Scan the entries that follow and copy out every line containing "frame".

━━━━━━━━

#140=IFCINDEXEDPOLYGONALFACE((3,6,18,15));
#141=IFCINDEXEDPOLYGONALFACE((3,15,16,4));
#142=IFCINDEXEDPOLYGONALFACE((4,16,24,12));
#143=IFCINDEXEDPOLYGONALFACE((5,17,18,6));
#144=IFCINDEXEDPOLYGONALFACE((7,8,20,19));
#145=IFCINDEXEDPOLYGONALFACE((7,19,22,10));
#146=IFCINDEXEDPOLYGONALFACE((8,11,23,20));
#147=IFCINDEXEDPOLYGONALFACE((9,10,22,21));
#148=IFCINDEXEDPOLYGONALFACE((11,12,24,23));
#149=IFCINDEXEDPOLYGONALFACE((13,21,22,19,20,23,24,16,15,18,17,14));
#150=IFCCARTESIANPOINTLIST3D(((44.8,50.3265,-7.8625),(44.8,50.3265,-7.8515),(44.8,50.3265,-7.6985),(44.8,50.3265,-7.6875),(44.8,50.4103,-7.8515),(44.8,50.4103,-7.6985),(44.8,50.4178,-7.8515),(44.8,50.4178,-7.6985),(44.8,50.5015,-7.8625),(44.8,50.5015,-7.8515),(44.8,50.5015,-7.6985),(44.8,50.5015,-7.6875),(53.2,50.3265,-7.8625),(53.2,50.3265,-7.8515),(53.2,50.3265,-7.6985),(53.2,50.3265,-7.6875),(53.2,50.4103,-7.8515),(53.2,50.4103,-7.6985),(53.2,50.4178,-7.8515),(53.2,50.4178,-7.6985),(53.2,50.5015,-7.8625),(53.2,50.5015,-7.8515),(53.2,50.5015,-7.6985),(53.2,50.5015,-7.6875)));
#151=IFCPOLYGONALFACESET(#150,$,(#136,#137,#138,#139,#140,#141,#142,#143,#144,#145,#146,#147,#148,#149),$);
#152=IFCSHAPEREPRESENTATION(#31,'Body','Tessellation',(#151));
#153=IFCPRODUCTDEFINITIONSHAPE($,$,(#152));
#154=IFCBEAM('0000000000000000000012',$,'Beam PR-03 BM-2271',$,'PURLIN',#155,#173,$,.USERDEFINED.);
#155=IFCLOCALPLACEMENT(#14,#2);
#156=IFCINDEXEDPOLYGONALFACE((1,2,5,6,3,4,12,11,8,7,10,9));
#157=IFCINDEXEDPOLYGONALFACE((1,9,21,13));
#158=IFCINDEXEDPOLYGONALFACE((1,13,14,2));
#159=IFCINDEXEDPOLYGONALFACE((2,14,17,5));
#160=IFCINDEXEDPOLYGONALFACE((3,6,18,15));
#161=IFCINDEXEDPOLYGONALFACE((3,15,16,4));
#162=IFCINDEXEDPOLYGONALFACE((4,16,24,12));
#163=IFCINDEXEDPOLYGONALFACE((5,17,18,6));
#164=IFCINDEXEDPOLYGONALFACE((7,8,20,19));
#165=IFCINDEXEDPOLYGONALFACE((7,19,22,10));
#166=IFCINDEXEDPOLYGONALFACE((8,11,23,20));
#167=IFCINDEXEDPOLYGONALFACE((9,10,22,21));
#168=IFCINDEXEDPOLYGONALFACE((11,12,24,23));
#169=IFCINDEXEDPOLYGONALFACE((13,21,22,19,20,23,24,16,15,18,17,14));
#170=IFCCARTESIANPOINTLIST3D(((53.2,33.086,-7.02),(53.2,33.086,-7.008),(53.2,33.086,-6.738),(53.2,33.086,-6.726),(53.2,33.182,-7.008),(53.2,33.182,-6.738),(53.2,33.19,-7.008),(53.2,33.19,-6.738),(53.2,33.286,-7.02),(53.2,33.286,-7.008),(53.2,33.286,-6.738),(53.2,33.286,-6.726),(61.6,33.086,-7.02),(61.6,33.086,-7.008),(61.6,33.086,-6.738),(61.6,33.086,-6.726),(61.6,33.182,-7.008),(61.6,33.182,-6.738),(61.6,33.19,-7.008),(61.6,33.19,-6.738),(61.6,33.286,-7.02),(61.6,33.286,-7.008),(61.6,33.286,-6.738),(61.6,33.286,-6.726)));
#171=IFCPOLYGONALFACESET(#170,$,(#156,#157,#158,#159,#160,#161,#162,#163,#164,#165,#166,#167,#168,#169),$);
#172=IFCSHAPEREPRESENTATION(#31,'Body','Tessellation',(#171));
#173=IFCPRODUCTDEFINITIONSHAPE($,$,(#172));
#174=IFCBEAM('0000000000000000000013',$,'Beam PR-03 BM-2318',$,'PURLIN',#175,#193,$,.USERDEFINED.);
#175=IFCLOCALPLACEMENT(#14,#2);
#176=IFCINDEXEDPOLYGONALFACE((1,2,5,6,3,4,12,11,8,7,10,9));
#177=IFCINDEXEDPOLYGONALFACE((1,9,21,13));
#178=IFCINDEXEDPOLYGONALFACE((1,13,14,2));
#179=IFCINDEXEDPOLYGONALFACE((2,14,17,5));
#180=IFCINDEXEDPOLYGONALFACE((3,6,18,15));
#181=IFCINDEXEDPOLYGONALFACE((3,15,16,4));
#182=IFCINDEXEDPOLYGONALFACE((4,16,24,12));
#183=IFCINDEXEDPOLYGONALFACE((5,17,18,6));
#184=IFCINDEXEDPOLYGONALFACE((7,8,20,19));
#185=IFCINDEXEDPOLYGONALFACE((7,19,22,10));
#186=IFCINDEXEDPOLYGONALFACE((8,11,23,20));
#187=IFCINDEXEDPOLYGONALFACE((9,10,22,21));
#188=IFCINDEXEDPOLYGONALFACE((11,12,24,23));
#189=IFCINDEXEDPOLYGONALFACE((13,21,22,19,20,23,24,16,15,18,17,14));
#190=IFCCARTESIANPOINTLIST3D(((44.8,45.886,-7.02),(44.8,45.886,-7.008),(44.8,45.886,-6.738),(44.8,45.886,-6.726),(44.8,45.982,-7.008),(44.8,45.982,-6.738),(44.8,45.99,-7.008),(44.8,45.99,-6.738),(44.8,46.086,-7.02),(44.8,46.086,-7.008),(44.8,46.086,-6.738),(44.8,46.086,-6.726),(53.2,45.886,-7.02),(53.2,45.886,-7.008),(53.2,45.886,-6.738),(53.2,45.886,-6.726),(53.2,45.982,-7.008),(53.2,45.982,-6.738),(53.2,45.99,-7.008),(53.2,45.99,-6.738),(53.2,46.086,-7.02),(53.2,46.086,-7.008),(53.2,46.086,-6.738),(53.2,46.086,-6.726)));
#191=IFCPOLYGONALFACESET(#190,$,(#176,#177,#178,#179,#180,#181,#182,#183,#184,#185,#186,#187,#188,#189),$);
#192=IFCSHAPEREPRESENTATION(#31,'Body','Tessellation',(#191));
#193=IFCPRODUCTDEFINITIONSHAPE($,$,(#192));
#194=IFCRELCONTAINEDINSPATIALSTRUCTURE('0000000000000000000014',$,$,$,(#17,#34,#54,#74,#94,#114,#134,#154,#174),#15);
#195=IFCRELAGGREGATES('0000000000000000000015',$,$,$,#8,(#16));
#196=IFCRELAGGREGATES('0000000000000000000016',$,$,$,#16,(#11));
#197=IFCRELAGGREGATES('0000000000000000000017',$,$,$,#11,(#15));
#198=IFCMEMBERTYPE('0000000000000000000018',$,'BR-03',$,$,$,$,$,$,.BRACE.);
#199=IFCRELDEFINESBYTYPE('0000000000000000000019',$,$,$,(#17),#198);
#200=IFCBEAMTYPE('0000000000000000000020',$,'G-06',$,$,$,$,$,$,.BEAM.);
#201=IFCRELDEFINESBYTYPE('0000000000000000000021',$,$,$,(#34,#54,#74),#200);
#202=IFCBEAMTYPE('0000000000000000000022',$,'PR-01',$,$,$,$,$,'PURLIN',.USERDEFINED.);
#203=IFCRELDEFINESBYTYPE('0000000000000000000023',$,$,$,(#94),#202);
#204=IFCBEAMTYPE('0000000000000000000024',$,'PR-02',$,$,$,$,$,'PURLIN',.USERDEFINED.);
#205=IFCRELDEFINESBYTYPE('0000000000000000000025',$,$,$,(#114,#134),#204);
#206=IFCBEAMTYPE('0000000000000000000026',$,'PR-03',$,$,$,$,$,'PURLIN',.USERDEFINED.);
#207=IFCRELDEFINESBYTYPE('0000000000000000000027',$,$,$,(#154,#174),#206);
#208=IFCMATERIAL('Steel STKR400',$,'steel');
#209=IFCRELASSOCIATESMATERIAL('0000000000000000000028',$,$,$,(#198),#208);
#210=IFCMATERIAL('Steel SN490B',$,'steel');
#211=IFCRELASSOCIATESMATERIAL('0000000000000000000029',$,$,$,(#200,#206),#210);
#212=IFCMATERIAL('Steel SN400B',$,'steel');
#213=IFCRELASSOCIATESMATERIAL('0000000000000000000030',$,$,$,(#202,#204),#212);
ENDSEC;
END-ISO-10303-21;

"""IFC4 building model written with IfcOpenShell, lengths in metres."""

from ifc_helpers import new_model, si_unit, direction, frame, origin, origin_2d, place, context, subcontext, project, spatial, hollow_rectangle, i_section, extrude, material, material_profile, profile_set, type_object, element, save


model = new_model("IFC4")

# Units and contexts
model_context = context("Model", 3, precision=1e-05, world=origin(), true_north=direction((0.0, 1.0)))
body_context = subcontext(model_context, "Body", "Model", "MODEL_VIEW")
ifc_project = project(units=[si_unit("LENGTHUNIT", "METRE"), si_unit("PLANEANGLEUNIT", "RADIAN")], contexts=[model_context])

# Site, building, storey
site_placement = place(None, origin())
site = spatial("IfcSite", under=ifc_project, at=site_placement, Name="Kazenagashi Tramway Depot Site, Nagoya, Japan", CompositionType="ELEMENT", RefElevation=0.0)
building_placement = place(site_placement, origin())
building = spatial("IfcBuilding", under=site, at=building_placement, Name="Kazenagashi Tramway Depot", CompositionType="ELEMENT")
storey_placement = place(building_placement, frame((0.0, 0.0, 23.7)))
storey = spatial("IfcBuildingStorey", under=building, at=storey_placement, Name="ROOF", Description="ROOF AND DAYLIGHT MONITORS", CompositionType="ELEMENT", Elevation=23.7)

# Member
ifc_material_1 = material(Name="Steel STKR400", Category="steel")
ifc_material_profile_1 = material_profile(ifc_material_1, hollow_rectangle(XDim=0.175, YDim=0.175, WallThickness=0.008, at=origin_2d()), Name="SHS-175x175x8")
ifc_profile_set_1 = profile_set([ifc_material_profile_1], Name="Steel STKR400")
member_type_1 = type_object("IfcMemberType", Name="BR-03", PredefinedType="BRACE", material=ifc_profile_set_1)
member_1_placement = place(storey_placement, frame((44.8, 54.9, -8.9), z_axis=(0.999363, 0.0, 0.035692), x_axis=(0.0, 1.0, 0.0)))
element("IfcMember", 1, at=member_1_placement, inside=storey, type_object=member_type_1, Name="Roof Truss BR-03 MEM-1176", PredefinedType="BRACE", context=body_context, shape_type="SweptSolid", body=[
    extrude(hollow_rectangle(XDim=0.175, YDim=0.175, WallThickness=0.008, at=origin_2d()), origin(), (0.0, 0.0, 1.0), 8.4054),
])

━━━━━━━━

Reply →
from ifc_helpers import new_model, si_unit, direction, frame, origin, origin_2d, place, context, subcontext, project, spatial, hollow_rectangle, i_section, extrude, material, material_profile, profile_set, type_object, element, save
storey_placement = place(building_placement, frame((0.0, 0.0, 23.7)))
member_1_placement = place(storey_placement, frame((44.8, 54.9, -8.9), z_axis=(0.999363, 0.0, 0.035692), x_axis=(0.0, 1.0, 0.0)))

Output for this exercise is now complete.